(Saved data entries)
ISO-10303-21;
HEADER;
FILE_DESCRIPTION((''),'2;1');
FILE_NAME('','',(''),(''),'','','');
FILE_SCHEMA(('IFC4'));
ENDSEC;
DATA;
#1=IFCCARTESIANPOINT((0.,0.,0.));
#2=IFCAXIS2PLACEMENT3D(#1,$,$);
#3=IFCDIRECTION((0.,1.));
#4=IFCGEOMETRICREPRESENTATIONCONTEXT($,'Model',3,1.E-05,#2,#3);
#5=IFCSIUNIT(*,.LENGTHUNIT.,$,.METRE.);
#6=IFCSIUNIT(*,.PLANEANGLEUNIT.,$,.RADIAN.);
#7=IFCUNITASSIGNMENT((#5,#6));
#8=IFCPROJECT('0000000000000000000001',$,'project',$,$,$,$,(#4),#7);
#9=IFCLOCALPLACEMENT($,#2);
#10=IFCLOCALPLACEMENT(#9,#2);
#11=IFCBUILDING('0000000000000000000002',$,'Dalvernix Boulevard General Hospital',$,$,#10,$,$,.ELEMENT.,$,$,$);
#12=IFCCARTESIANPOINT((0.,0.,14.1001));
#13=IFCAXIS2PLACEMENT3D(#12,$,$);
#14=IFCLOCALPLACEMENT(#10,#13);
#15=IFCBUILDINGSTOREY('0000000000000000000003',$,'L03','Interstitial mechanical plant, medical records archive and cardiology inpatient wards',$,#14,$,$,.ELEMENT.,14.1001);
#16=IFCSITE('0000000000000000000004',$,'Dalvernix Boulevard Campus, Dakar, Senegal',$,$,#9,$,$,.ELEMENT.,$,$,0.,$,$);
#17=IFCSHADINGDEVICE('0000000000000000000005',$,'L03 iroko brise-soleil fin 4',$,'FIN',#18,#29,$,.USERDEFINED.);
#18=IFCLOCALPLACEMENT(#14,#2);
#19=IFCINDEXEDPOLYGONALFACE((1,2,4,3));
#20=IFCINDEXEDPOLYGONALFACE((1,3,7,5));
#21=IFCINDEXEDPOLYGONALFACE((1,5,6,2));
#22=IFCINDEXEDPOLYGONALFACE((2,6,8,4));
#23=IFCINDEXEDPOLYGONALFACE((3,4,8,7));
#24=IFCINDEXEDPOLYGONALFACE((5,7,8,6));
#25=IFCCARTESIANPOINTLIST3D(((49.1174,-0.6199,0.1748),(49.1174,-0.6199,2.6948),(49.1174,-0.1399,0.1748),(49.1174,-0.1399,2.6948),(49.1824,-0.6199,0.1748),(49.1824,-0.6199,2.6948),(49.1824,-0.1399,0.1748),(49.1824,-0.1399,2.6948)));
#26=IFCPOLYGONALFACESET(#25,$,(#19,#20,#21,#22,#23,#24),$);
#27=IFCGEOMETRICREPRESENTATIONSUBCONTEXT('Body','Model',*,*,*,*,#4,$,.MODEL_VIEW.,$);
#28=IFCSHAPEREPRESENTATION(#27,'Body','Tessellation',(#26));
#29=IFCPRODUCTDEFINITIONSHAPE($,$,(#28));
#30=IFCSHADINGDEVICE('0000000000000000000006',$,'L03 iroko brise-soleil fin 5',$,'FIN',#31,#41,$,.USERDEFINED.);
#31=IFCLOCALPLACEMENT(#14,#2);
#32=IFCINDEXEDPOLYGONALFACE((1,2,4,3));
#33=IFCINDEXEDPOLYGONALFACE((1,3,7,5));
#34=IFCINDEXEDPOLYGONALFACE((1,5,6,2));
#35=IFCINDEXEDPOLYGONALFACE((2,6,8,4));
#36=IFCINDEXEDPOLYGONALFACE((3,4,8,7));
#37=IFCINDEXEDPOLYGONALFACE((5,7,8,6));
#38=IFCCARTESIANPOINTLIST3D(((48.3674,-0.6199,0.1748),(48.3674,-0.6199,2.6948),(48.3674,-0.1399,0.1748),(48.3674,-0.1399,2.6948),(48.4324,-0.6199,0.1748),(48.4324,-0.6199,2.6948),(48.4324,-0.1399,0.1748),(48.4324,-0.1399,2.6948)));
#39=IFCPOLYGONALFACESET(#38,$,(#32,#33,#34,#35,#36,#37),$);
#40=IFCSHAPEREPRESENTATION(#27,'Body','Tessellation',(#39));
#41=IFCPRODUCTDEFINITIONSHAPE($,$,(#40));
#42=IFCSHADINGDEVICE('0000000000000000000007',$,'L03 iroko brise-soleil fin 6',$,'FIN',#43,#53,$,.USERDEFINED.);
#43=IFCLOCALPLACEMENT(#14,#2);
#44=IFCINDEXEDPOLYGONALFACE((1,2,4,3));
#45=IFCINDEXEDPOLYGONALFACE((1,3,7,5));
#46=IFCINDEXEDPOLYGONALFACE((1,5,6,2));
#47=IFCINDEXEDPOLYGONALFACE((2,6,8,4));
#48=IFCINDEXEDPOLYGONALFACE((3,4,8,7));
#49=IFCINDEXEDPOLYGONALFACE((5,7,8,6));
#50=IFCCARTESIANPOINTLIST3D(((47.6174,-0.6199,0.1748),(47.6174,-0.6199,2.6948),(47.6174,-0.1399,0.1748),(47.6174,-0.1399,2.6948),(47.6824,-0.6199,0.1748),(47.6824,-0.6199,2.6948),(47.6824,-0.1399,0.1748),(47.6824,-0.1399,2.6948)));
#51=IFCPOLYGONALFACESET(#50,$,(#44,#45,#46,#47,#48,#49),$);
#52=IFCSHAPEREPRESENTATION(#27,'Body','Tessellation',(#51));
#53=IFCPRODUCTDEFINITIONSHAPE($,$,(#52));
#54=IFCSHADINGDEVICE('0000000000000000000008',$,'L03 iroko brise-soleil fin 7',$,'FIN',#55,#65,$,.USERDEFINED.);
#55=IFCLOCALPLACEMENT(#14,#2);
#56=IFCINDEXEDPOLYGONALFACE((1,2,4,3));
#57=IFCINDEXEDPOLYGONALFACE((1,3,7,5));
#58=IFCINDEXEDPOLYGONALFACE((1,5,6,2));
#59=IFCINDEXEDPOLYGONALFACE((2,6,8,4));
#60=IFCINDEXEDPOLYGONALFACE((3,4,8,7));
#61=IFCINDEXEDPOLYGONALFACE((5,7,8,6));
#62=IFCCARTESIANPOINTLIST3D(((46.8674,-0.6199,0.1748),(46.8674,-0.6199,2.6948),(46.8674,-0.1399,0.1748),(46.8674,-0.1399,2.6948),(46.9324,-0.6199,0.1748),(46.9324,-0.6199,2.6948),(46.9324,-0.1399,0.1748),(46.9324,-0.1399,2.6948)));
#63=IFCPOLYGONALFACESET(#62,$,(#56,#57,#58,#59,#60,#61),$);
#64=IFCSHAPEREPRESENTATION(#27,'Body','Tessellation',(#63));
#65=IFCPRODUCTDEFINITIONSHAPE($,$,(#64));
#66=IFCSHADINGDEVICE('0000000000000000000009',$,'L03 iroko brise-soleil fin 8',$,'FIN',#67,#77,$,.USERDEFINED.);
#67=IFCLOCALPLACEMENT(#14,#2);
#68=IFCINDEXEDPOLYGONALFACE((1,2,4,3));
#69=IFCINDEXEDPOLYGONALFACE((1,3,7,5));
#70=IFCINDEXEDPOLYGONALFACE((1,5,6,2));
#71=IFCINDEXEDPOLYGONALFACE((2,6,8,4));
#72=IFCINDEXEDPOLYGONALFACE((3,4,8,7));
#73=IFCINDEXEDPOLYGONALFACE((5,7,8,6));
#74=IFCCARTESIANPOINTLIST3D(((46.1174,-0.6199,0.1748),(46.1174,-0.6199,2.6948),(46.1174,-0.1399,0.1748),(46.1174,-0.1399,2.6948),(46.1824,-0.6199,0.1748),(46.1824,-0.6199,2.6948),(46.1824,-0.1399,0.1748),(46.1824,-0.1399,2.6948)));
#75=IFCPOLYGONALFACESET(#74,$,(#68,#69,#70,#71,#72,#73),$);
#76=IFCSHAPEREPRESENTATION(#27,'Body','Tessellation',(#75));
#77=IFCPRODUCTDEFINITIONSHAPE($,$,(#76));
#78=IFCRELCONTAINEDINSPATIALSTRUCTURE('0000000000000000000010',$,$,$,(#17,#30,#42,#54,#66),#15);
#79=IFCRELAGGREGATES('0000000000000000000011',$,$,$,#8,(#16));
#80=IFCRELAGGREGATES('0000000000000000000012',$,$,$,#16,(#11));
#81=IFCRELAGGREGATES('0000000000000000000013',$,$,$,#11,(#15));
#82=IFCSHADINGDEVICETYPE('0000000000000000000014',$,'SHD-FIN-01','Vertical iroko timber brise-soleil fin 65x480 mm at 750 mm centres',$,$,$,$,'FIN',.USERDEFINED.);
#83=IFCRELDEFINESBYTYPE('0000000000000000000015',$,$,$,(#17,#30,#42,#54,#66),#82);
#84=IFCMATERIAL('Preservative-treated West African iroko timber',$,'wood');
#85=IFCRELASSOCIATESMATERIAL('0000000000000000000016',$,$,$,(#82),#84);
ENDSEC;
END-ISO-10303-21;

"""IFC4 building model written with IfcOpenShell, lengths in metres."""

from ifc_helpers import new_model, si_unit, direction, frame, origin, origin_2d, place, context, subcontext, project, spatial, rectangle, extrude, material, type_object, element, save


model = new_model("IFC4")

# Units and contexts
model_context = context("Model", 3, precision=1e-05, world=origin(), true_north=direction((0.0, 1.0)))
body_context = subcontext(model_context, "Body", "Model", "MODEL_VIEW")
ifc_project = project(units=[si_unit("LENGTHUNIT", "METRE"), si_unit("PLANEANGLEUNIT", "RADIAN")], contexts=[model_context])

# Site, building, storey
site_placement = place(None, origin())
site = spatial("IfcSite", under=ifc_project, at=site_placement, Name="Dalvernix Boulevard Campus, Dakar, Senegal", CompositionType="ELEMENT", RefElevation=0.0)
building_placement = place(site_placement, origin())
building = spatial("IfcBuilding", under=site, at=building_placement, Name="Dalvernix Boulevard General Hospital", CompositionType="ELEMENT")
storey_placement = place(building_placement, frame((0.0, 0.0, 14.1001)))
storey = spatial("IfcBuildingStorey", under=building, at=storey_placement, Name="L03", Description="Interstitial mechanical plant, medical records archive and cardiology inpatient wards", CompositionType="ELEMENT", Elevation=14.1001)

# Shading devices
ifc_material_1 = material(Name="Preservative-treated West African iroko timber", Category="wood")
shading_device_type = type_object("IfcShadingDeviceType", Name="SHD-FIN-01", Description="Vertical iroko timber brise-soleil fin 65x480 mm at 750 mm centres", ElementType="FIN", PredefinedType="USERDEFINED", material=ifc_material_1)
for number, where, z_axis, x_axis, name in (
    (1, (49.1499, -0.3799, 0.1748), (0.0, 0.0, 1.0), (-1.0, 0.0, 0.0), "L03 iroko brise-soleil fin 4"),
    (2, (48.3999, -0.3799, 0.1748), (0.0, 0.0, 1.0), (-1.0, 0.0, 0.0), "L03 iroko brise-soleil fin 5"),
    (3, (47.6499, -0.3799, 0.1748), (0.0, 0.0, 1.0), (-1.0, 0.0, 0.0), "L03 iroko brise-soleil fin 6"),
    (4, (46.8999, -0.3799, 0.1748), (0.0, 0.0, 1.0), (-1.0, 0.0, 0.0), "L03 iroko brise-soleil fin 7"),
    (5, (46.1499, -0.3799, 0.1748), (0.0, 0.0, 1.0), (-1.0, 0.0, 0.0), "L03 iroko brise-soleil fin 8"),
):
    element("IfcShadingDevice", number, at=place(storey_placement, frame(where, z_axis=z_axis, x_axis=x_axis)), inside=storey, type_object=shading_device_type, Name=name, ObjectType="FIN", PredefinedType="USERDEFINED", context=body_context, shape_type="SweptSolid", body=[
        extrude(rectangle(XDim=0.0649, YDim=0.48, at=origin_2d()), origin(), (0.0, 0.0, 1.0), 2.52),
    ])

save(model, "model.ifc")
...
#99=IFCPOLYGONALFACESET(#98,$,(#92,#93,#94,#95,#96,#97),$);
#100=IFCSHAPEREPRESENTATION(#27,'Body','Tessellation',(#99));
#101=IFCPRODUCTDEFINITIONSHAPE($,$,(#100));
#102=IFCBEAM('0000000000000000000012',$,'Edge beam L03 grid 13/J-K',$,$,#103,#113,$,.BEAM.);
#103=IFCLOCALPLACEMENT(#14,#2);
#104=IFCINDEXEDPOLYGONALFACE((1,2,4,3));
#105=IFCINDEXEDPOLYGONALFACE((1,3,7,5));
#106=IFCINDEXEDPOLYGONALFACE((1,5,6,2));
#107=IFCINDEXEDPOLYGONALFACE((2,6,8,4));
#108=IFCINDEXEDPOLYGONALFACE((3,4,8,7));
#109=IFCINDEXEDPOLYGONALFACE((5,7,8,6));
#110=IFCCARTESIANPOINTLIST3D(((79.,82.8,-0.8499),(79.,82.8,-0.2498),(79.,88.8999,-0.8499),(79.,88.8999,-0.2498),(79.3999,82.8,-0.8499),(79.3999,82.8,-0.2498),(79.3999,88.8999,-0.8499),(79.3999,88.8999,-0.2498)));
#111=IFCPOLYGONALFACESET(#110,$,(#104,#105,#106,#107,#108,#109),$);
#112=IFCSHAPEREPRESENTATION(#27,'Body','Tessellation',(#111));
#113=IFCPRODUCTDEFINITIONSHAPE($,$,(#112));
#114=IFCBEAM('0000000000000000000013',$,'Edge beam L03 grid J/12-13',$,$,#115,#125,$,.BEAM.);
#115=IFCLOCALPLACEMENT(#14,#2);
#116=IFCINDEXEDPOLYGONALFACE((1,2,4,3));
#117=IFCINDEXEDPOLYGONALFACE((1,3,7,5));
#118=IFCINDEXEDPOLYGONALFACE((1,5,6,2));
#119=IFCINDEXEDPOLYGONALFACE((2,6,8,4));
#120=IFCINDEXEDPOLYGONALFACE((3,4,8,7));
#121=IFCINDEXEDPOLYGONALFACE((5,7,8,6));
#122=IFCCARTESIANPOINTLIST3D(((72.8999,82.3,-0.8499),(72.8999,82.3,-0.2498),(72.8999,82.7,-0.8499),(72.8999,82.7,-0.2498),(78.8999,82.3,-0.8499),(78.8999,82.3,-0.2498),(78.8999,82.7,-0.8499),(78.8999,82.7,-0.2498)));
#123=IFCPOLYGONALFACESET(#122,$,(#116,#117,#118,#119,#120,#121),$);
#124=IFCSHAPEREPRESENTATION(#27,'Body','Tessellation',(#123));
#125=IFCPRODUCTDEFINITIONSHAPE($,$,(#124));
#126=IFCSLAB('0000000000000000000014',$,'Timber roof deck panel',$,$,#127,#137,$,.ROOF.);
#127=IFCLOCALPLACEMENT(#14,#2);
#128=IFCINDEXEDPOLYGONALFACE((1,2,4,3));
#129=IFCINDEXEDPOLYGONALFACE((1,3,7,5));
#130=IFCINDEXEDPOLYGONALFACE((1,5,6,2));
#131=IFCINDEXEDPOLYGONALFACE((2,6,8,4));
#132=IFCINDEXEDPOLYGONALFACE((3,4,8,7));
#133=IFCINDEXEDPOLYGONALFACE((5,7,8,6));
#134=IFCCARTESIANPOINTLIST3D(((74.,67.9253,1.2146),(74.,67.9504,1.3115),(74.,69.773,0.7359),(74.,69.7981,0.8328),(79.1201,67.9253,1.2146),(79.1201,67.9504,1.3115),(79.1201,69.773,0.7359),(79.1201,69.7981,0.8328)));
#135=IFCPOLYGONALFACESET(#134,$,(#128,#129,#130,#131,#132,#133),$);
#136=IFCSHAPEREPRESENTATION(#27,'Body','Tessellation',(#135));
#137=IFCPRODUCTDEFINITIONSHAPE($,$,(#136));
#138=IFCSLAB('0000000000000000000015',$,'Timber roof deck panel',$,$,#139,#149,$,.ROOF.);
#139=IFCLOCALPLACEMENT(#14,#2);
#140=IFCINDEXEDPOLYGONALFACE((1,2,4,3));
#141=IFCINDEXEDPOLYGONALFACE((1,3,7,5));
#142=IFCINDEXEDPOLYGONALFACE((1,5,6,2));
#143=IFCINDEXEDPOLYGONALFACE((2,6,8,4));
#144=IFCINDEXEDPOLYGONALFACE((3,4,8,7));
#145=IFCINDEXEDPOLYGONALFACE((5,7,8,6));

EXERCISE DETAILS
Please go through the data above and copy each line that has the word "deck".

EXERCISE RESPONSE
#126=IFCSLAB('0000000000000000000014',$,'Timber roof deck panel',$,$,#127,#137,$,.ROOF.);
#138=IFCSLAB('0000000000000000000015',$,'Timber roof deck panel',$,$,#139,#149,$,.ROOF.);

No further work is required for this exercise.